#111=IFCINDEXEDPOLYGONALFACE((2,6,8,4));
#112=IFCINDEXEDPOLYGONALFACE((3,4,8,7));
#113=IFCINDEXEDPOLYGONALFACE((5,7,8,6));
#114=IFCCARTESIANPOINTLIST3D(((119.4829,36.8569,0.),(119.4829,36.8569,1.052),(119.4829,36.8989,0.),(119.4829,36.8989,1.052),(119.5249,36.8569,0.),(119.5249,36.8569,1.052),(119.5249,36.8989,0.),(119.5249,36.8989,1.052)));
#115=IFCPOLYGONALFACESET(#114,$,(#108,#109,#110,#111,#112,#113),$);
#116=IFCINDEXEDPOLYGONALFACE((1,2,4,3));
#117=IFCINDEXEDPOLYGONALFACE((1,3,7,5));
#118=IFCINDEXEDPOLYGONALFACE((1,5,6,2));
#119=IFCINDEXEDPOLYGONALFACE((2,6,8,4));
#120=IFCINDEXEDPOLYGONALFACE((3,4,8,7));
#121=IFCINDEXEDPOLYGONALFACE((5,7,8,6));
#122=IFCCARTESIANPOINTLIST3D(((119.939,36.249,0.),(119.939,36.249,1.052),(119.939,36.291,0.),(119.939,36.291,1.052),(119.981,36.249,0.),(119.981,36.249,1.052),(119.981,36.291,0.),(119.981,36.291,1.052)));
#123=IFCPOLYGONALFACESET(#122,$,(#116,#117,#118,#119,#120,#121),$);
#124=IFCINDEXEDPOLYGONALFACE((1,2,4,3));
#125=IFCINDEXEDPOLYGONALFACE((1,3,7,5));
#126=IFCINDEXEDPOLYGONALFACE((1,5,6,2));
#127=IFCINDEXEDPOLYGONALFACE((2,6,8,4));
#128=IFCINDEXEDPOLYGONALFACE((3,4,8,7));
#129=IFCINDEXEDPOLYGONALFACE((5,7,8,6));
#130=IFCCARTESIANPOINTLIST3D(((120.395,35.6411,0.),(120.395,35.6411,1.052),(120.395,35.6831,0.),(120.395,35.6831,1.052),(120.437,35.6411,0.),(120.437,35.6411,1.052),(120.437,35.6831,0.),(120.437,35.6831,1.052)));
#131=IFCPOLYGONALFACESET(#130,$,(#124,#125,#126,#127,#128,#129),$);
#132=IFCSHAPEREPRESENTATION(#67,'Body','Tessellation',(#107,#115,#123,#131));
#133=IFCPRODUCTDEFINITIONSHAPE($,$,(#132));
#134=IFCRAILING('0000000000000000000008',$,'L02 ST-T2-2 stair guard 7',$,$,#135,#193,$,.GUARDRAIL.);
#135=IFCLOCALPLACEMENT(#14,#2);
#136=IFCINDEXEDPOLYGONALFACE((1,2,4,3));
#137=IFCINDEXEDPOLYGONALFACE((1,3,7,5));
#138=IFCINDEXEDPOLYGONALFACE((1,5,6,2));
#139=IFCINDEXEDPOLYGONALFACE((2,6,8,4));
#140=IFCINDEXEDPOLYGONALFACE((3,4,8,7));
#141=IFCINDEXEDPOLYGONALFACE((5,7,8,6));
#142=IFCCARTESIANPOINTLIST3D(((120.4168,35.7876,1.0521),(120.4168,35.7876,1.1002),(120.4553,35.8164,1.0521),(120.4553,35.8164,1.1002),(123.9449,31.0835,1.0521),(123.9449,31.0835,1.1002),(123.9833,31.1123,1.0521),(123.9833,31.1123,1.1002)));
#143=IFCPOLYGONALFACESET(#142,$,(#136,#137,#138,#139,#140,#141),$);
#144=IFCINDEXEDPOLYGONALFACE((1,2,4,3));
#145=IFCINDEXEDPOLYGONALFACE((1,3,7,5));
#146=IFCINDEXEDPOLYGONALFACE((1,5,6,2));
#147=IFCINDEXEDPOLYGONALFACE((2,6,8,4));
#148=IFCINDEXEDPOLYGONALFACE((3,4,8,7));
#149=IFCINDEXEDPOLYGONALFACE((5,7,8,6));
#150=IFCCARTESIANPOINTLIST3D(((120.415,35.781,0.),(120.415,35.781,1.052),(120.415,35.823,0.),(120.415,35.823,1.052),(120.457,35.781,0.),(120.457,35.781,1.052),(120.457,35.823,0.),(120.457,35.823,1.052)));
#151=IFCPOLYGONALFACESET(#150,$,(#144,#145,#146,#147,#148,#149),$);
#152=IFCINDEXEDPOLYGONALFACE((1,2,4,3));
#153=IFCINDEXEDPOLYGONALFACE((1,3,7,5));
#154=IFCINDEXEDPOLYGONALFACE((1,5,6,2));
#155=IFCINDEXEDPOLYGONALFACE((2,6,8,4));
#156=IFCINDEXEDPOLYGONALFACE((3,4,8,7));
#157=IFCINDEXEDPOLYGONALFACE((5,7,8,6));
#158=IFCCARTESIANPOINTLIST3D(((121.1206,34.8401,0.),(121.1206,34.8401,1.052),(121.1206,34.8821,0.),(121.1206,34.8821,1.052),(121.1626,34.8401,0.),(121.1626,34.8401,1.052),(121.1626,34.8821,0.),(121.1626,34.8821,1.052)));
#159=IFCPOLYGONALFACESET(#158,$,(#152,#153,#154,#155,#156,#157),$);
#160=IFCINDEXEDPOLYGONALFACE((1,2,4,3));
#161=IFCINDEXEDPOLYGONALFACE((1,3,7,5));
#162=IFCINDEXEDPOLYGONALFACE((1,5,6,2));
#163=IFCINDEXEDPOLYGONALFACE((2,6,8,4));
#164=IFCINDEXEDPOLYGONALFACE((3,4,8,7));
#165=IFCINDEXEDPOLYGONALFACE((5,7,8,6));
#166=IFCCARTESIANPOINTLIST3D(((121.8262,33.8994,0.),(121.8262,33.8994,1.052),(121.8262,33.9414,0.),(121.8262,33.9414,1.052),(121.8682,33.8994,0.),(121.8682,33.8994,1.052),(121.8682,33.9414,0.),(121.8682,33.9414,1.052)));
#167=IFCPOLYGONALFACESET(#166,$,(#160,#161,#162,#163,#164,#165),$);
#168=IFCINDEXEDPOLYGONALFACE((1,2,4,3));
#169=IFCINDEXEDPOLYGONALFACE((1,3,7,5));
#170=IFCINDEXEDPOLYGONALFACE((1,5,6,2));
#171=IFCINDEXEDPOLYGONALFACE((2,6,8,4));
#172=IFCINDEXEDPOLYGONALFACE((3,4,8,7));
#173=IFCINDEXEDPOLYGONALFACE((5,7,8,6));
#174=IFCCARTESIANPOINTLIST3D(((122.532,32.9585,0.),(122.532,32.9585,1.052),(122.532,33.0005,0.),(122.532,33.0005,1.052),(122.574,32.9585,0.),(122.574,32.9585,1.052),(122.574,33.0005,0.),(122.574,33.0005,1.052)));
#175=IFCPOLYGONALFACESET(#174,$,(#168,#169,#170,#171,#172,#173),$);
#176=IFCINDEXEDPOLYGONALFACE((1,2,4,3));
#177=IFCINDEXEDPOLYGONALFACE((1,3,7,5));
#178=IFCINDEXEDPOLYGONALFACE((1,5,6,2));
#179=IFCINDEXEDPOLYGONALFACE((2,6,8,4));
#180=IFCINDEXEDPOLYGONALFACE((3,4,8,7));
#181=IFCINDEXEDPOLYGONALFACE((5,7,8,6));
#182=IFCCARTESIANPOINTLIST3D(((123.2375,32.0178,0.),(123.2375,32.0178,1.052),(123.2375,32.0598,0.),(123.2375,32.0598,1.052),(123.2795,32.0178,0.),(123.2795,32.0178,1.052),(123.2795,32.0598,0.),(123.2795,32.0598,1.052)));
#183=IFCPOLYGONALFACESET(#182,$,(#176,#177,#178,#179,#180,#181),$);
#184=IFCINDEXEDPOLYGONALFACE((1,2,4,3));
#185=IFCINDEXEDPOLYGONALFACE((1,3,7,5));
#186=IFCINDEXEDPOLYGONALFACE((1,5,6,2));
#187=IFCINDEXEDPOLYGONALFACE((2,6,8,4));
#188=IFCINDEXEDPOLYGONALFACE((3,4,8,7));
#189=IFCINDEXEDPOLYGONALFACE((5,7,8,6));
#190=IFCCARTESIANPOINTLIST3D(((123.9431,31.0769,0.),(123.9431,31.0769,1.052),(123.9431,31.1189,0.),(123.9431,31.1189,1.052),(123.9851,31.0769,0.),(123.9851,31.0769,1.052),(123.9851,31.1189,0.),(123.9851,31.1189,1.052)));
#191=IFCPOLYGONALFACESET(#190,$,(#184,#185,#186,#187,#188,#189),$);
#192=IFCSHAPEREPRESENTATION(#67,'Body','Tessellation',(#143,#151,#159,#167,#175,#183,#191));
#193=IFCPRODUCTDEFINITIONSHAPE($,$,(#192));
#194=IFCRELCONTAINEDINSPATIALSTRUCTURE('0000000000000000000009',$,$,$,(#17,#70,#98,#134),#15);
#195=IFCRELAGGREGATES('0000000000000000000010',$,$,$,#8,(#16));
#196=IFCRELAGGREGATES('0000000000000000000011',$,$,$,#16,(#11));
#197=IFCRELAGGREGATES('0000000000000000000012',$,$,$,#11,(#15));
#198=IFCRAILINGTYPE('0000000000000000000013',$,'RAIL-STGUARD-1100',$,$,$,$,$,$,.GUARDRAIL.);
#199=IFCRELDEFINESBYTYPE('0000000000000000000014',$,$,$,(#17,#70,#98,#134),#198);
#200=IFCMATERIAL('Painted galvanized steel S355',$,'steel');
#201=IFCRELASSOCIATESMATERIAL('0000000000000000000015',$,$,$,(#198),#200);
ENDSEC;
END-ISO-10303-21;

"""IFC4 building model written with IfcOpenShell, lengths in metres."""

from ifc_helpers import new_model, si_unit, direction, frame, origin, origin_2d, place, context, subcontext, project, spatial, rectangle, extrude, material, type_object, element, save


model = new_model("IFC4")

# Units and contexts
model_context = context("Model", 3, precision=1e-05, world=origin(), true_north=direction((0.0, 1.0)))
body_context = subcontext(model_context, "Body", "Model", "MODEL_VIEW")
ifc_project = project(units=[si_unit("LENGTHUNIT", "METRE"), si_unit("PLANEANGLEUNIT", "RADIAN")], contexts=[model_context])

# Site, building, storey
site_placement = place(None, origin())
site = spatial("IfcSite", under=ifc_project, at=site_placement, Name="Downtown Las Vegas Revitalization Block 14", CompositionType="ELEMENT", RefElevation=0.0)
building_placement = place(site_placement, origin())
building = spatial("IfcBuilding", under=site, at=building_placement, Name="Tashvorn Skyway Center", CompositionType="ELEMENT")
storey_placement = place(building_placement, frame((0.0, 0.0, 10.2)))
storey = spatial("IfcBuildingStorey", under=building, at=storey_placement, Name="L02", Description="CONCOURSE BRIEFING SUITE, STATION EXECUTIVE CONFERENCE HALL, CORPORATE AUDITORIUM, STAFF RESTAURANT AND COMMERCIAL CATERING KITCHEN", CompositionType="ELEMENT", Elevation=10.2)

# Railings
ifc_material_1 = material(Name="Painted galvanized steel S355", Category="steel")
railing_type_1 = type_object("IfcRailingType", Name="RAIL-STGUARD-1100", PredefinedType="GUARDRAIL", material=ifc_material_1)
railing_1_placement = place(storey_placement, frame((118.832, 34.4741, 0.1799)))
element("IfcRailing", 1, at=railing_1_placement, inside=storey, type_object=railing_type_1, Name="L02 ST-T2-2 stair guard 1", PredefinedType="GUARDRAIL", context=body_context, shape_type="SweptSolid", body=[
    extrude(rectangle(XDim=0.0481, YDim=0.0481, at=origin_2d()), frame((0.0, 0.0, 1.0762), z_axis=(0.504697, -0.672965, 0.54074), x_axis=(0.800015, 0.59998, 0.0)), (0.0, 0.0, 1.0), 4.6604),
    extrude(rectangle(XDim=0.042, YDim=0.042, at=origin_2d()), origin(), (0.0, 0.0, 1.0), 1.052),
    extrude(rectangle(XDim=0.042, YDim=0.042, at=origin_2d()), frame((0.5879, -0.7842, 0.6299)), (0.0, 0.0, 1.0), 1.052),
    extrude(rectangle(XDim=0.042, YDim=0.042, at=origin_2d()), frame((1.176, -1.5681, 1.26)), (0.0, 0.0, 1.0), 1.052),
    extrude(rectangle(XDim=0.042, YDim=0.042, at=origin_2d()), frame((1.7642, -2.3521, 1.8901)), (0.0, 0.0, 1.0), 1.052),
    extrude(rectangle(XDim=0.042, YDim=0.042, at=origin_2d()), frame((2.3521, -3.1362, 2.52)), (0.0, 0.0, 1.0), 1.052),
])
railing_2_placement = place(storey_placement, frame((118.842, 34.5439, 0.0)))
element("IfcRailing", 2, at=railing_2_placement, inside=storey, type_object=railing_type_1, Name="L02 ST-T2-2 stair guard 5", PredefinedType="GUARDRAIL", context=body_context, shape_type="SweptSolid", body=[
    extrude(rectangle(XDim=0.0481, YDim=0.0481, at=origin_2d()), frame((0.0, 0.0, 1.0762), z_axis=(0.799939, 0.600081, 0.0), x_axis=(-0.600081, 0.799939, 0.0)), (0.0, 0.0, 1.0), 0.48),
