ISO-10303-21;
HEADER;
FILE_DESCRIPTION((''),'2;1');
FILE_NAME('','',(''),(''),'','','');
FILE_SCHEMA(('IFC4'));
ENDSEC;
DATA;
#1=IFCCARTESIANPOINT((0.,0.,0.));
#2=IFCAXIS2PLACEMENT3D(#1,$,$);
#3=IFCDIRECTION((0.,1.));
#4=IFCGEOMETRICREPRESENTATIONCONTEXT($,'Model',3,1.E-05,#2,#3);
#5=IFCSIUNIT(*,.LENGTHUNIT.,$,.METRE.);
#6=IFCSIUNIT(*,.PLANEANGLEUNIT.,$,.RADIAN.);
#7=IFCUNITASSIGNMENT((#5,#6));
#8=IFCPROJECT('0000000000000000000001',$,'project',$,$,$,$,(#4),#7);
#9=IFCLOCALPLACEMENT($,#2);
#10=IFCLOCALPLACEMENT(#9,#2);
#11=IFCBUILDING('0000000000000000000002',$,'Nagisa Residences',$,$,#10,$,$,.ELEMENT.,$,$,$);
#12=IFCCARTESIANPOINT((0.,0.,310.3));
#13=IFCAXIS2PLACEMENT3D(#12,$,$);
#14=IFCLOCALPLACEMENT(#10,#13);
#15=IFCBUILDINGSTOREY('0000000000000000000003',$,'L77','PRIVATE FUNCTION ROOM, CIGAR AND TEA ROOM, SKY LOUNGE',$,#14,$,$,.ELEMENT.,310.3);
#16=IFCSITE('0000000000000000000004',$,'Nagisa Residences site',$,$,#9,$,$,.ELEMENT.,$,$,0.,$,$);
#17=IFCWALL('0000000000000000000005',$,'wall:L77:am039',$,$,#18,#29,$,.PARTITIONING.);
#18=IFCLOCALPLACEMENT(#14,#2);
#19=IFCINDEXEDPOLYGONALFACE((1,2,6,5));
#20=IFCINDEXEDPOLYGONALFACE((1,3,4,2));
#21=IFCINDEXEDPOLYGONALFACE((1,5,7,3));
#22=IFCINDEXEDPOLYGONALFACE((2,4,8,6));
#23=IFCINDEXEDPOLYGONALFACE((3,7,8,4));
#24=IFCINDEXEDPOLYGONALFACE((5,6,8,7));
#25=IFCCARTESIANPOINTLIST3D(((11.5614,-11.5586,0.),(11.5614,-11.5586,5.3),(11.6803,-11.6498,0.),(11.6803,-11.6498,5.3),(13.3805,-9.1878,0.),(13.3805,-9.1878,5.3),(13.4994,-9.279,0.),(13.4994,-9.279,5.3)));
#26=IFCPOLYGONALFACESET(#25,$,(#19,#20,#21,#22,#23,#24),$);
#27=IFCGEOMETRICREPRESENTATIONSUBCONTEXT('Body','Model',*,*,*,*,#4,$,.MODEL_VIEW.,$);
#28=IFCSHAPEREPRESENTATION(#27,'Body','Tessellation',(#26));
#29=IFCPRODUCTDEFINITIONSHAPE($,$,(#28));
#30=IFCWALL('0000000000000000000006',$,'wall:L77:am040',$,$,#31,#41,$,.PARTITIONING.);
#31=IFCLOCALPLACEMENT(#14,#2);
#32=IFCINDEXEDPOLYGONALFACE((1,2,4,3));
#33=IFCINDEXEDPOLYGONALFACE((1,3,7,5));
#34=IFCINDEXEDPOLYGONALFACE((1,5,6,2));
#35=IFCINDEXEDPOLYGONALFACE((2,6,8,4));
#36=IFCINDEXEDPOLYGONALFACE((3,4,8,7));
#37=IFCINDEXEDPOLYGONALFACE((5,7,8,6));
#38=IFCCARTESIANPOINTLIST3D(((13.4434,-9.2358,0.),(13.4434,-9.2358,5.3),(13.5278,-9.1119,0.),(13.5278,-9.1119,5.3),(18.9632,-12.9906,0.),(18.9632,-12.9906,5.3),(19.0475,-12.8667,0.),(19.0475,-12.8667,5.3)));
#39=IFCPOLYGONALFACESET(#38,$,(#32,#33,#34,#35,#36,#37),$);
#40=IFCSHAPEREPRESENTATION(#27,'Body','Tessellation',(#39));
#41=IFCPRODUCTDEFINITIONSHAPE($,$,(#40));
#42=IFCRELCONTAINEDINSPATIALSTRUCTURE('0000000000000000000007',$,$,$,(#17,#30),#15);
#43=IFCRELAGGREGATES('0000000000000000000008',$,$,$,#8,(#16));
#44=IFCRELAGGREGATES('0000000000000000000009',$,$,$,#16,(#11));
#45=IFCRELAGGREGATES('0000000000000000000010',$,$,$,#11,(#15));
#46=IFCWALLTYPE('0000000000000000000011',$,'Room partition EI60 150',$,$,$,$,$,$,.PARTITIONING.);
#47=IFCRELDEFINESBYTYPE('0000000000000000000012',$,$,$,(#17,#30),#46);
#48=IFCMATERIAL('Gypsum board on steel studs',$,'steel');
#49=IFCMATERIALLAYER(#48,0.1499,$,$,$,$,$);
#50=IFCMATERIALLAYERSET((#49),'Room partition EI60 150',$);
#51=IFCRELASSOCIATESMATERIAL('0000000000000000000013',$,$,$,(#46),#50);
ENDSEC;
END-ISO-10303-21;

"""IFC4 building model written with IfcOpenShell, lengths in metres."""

from ifc_helpers import new_model, si_unit, direction, frame, frame_2d, origin, place, context, subcontext, project, spatial, rectangle, extrude, material, layer, layer_set, type_object, element, save


model = new_model("IFC4")

# Units and contexts
model_context = context("Model", 3, precision=1e-05, world=origin(), true_north=direction((0.0, 1.0)))
body_context = subcontext(model_context, "Body", "Model", "MODEL_VIEW")
ifc_project = project(units=[si_unit("LENGTHUNIT", "METRE"), si_unit("PLANEANGLEUNIT", "RADIAN")], contexts=[model_context])

# Site, building, storey
site_placement = place(None, origin())
site = spatial("IfcSite", under=ifc_project, at=site_placement, Name="Nagisa Residences site", CompositionType="ELEMENT", RefElevation=0.0)
building_placement = place(site_placement, origin())
building = spatial("IfcBuilding", under=site, at=building_placement, Name="Nagisa Residences", CompositionType="ELEMENT")
storey_placement = place(building_placement, frame((0.0, 0.0, 310.3)))
storey = spatial("IfcBuildingStorey", under=building, at=storey_placement, Name="L77", Description="PRIVATE FUNCTION ROOM, CIGAR AND TEA ROOM, SKY LOUNGE", CompositionType="ELEMENT", Elevation=310.3)

# Shared definitions
ifc_material_1 = material(Name="Gypsum board on steel studs", Category="steel")
ifc_layer_1 = layer(ifc_material_1, 0.1499)
ifc_layer_set_1 = layer_set([ifc_layer_1], Name="Room partition EI60 150")
wall_type = type_object("IfcWallType", Name="Room partition EI60 150", PredefinedType="PARTITIONING", material=ifc_layer_set_1)

# Walls
wall_1_placement = place(storey_placement, frame((13.4399, -9.2334, 0.0), z_axis=(0.0, 0.0, 1.0), x_axis=(-0.608735, -0.793374, 0.0)))
element("IfcWall", 1, at=wall_1_placement, inside=storey, type_object=wall_type, Name="wall:L77:am039", PredefinedType="PARTITIONING", context=body_context, shape_type="SweptSolid", body=[
    extrude(rectangle(XDim=2.9883, YDim=0.1499, at=frame_2d((1.4941, 0.0))), origin(), (0.0, 0.0, 1.0), 5.3),
])
wall_2_placement = place(storey_placement, frame((13.4856, -9.1738, 0.0), z_axis=(0.0, 0.0, 1.0), x_axis=(0.826826, -0.562457, 0.0)))
element("IfcWall", 2, at=wall_2_placement, inside=storey, type_object=wall_type, Name="wall:L77:am040", PredefinedType="PARTITIONING", context=body_context, shape_type="SweptSolid", body=[
    extrude(rectangle(XDim=6.6758, YDim=0.1499, at=frame_2d((3.3379, 0.0))), origin(), (0.0, 0.0, 1.0), 5.3),
])

save(model, "model.ifc")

○ ○ ○

• _REQUIREMENT_
Every line above that holds the string "galvanized" should be copied into the answer.

• _WRITTEN REPLY_
#200=IFCMATERIAL('Painted galvanized steel S355',$,'steel');
ifc_material_1 = material(Name="Painted galvanized steel S355", Category="steel")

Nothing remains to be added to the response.